| PROBLEM |
Locate the string "IFCRELASSOCIATESMATERIAL" in the records below. Copy every line where it occurs.
BEGIN MATERIAL SHOWN
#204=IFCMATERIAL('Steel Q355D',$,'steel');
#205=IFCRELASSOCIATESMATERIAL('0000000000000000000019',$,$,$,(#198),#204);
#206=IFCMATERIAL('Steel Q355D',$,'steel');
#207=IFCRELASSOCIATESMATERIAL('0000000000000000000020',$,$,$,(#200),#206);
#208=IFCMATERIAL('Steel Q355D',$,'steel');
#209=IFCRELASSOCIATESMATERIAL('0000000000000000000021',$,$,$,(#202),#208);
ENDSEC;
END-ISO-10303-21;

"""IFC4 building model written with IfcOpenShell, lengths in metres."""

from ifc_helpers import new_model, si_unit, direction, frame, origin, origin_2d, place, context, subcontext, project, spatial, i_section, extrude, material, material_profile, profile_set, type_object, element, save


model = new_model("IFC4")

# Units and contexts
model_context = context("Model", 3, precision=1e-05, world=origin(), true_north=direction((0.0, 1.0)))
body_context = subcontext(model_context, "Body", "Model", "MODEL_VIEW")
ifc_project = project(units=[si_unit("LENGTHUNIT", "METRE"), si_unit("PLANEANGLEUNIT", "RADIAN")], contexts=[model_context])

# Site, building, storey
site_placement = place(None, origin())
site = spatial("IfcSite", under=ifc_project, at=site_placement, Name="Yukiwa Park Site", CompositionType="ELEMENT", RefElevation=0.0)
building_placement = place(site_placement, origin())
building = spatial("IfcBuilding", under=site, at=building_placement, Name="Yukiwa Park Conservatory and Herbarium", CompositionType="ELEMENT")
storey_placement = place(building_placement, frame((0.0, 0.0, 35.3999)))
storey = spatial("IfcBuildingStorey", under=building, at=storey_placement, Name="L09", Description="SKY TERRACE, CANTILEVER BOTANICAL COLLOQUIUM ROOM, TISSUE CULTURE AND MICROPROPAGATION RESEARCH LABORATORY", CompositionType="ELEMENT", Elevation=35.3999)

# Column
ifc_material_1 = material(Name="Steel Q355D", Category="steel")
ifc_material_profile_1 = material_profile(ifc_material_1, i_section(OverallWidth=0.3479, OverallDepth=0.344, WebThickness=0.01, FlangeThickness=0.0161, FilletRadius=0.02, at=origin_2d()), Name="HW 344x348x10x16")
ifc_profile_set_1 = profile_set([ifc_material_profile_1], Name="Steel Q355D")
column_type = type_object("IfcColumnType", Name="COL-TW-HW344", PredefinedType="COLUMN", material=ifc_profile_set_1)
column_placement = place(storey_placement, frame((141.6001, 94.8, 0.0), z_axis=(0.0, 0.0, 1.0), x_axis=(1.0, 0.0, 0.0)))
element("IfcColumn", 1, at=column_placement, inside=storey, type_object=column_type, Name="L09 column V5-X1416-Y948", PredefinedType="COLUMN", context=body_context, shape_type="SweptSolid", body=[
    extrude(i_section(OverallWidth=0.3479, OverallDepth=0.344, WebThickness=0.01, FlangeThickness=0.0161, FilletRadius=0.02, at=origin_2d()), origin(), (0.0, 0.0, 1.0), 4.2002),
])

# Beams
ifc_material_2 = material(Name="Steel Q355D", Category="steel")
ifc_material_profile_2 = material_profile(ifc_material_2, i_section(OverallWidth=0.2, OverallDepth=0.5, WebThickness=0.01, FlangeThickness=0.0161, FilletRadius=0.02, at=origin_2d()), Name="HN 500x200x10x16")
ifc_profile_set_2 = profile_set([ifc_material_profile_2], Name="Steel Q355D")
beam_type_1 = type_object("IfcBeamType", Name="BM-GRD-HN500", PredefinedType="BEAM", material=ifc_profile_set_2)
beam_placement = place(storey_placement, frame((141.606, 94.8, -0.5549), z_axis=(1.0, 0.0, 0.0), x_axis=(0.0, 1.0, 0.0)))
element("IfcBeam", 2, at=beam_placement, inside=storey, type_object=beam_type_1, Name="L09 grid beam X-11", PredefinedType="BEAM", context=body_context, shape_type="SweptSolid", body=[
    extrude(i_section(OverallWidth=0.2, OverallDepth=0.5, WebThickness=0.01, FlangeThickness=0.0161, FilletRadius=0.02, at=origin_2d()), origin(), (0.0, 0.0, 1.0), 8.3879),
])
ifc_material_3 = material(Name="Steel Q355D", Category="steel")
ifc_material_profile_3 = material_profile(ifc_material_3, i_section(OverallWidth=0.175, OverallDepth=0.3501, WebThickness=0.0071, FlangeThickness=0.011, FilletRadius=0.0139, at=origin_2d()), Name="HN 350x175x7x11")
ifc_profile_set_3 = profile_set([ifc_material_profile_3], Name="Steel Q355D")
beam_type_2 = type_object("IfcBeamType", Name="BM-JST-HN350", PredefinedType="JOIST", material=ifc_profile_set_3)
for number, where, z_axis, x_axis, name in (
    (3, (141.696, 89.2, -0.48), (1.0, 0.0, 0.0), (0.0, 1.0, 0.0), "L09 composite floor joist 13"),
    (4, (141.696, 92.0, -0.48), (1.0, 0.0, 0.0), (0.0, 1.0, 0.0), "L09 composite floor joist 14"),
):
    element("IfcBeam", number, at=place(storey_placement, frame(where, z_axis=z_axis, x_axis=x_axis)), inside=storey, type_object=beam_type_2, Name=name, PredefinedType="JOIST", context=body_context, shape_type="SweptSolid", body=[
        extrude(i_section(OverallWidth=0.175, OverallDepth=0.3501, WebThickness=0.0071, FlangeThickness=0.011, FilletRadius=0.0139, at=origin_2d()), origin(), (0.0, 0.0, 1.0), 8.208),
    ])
END MATERIAL SHOWN
BEGIN MATERIAL SHOWN
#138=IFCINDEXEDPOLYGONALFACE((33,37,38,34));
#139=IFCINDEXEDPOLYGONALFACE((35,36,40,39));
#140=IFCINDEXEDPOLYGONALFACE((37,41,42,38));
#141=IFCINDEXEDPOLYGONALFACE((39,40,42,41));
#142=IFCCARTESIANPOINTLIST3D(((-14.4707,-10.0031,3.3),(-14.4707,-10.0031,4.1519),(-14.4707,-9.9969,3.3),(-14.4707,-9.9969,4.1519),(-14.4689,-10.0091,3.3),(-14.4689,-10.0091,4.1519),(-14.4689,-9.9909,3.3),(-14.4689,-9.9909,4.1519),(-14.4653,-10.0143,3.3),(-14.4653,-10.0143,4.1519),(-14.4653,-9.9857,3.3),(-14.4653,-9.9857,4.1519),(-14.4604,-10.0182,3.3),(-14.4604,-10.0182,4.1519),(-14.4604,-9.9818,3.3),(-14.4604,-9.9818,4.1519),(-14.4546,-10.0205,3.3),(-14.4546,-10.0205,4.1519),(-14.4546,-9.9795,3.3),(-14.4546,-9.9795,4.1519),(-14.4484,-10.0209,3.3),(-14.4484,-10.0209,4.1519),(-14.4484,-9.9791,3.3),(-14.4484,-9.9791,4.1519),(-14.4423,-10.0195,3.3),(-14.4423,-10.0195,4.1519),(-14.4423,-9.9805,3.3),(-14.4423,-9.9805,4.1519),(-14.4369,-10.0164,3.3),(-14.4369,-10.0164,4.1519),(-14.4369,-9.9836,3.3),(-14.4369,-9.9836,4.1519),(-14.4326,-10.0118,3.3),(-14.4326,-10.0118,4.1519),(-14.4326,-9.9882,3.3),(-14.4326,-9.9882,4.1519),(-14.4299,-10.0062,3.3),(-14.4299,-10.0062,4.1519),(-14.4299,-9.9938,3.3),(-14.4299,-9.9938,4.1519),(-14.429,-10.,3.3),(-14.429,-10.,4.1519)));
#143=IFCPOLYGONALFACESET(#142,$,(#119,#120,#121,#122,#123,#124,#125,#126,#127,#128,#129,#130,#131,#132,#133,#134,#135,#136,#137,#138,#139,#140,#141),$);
END MATERIAL SHOWN
BEGIN MATERIAL SHOWN
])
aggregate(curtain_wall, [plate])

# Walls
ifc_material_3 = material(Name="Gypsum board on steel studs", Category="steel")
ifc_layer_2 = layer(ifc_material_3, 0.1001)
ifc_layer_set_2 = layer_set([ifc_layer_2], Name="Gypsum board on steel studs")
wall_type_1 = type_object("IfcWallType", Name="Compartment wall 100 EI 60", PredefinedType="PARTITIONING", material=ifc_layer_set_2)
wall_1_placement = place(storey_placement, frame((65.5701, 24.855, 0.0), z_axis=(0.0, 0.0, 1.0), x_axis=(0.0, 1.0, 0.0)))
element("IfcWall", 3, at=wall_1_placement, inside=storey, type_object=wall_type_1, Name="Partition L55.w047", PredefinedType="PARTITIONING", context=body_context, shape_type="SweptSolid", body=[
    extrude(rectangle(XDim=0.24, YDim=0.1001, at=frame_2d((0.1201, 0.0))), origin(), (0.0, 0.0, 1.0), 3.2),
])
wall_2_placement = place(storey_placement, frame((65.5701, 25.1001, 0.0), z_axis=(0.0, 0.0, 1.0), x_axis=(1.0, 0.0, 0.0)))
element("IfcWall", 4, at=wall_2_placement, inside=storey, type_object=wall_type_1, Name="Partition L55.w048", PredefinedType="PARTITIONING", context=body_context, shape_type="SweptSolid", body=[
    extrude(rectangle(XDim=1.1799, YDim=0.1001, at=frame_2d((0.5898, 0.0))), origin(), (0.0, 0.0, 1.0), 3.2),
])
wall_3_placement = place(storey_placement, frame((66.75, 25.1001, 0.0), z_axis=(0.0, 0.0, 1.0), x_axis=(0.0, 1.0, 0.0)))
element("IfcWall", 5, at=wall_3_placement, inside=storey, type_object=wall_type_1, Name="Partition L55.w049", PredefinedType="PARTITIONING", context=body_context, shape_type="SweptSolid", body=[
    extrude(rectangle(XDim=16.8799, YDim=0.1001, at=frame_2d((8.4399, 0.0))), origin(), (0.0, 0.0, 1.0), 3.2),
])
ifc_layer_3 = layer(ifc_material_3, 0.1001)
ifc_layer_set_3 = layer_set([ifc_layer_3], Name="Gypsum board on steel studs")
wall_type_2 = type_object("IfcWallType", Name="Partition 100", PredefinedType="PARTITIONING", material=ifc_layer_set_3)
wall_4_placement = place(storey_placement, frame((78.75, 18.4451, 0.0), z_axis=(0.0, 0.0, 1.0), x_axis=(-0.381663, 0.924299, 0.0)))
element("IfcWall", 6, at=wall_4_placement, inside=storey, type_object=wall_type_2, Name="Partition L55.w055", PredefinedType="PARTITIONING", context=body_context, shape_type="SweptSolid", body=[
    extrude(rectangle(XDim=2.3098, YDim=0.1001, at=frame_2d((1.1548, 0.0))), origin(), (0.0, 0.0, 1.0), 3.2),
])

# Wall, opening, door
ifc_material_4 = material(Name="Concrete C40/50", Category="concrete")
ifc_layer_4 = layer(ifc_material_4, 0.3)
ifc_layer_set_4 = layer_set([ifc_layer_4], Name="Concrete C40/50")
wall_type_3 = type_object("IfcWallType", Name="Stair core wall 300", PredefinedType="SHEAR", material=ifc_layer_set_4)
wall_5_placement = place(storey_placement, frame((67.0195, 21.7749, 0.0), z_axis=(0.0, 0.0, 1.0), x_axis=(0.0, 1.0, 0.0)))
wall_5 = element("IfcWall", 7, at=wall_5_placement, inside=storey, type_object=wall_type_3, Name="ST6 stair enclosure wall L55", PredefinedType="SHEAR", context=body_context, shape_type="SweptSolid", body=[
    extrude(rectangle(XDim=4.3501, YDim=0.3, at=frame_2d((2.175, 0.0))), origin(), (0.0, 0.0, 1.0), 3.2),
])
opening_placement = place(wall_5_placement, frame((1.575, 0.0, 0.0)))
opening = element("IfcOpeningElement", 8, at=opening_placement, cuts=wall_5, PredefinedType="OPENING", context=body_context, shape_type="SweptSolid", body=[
END MATERIAL SHOWN
| ANSWER AREA |
#205=IFCRELASSOCIATESMATERIAL('0000000000000000000019',$,$,$,(#198),#204);
#207=IFCRELASSOCIATESMATERIAL('0000000000000000000020',$,$,$,(#200),#206);
#209=IFCRELASSOCIATESMATERIAL('0000000000000000000021',$,$,$,(#202),#208);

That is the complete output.